**Work required:**
Reproduce exactly the lines that run from the start of the records below to the line with "#182=IFCMATERIAL('Concrete C60',$,'concrete');", inclusive.

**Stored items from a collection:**
--- START ---

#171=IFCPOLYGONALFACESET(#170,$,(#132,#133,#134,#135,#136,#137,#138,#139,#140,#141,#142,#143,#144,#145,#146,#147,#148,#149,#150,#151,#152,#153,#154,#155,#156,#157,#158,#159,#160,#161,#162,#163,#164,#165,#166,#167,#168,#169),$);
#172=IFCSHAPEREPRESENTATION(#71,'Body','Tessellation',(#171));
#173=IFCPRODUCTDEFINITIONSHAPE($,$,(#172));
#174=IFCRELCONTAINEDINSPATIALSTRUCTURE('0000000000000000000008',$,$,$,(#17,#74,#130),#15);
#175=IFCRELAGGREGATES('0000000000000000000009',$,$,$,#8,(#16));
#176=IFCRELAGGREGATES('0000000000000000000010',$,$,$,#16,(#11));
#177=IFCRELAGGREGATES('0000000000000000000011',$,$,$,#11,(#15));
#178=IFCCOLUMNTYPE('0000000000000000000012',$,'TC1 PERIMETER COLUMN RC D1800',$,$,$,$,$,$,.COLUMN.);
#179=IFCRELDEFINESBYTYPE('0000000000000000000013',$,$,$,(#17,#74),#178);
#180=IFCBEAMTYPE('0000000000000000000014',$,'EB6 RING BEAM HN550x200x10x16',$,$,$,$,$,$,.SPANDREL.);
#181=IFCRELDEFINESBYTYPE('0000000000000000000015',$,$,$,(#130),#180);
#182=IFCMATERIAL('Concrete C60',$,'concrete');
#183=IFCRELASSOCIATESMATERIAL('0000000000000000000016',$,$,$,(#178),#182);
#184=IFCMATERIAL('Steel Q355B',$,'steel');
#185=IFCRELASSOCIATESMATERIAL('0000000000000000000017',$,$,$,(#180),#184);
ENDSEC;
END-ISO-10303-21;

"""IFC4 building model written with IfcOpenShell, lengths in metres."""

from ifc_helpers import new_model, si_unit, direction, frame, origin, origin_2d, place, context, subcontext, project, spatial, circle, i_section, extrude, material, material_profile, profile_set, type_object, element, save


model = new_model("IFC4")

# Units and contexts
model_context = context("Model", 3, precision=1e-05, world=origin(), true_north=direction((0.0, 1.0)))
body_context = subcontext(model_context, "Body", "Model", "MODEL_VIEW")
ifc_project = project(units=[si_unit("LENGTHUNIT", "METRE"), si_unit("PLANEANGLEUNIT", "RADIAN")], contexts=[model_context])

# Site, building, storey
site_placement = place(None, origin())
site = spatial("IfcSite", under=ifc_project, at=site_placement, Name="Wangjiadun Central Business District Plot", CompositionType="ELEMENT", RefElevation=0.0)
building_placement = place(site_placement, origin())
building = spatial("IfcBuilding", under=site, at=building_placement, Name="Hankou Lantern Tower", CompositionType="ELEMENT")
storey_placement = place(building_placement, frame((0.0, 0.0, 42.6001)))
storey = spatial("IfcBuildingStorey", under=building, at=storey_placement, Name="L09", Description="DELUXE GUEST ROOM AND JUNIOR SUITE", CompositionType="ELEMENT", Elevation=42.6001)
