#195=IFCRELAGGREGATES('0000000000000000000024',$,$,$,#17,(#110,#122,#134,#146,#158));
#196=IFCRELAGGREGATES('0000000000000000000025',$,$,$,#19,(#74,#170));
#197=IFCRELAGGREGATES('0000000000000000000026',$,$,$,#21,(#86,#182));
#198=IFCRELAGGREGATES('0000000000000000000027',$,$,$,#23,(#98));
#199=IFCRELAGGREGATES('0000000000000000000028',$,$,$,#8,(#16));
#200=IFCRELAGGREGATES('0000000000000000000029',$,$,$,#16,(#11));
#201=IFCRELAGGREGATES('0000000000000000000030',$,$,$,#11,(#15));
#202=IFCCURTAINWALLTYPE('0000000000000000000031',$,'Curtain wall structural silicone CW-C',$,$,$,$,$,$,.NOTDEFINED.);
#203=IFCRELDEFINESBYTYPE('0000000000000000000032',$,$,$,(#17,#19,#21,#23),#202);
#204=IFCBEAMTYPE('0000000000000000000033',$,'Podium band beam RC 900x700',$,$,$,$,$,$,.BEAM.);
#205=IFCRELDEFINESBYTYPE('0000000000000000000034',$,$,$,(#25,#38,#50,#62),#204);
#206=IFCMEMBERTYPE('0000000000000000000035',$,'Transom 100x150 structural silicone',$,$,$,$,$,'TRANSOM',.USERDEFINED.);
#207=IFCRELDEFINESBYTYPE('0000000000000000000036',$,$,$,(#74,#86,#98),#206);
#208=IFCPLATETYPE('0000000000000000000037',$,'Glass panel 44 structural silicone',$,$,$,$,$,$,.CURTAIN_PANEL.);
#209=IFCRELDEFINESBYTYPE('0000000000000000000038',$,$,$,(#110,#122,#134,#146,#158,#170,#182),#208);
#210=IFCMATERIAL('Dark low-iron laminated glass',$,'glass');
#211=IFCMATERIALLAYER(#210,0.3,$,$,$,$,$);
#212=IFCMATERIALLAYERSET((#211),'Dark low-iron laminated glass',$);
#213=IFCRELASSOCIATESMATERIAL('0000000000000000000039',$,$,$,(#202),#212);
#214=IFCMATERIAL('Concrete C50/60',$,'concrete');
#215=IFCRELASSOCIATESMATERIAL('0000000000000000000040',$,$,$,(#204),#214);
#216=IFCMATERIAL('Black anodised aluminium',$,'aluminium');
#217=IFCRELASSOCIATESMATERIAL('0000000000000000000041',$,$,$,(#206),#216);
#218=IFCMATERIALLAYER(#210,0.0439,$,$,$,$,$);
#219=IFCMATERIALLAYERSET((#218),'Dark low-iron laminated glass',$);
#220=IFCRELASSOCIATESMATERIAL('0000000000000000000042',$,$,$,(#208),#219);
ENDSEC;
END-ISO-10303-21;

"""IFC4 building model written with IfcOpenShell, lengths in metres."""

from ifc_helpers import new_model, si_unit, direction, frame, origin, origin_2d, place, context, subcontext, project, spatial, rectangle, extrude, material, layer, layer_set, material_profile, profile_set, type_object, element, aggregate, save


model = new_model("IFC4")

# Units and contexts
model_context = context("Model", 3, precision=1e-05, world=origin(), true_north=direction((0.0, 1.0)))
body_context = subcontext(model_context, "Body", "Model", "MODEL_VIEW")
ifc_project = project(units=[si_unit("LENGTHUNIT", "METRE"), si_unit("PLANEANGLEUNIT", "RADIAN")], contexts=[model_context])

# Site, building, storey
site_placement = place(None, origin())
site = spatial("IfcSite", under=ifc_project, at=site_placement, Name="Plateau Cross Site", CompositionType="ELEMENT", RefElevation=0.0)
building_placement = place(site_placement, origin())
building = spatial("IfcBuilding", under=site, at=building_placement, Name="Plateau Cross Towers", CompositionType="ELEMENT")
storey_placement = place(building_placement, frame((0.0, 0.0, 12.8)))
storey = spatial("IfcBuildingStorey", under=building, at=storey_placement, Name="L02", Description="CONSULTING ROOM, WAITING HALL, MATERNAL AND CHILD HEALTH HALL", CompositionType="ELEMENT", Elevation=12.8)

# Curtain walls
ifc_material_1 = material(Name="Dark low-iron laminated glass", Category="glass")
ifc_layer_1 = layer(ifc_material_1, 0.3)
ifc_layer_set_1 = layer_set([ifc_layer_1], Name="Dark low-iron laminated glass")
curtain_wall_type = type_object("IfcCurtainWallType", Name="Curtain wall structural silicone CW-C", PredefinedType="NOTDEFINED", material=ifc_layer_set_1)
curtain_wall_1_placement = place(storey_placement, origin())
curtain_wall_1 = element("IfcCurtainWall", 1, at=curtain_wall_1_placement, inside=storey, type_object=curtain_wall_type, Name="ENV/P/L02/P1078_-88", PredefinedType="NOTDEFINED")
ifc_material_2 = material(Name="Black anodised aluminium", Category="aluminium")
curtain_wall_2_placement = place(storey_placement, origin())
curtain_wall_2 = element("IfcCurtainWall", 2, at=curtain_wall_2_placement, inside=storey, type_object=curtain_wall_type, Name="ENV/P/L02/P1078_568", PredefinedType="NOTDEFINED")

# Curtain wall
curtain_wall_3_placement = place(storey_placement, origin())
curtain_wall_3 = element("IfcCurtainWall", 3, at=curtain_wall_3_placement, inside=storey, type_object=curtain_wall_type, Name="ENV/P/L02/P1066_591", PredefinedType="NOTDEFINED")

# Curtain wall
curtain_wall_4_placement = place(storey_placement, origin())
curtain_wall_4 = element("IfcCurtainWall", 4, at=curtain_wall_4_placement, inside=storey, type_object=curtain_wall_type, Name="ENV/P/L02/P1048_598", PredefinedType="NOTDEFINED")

--- END ---

**Solution to this task:**
#171=IFCPOLYGONALFACESET(#170,$,(#132,#133,#134,#135,#136,#137,#138,#139,#140,#141,#142,#143,#144,#145,#146,#147,#148,#149,#150,#151,#152,#153,#154,#155,#156,#157,#158,#159,#160,#161,#162,#163,#164,#165,#166,#167,#168,#169),$);
#172=IFCSHAPEREPRESENTATION(#71,'Body','Tessellation',(#171));
#173=IFCPRODUCTDEFINITIONSHAPE($,$,(#172));
#174=IFCRELCONTAINEDINSPATIALSTRUCTURE('0000000000000000000008',$,$,$,(#17,#74,#130),#15);
#175=IFCRELAGGREGATES('0000000000000000000009',$,$,$,#8,(#16));
#176=IFCRELAGGREGATES('0000000000000000000010',$,$,$,#16,(#11));
#177=IFCRELAGGREGATES('0000000000000000000011',$,$,$,#11,(#15));
#178=IFCCOLUMNTYPE('0000000000000000000012',$,'TC1 PERIMETER COLUMN RC D1800',$,$,$,$,$,$,.COLUMN.);
#179=IFCRELDEFINESBYTYPE('0000000000000000000013',$,$,$,(#17,#74),#178);
#180=IFCBEAMTYPE('0000000000000000000014',$,'EB6 RING BEAM HN550x200x10x16',$,$,$,$,$,$,.SPANDREL.);
#181=IFCRELDEFINESBYTYPE('0000000000000000000015',$,$,$,(#130),#180);
#182=IFCMATERIAL('Concrete C60',$,'concrete');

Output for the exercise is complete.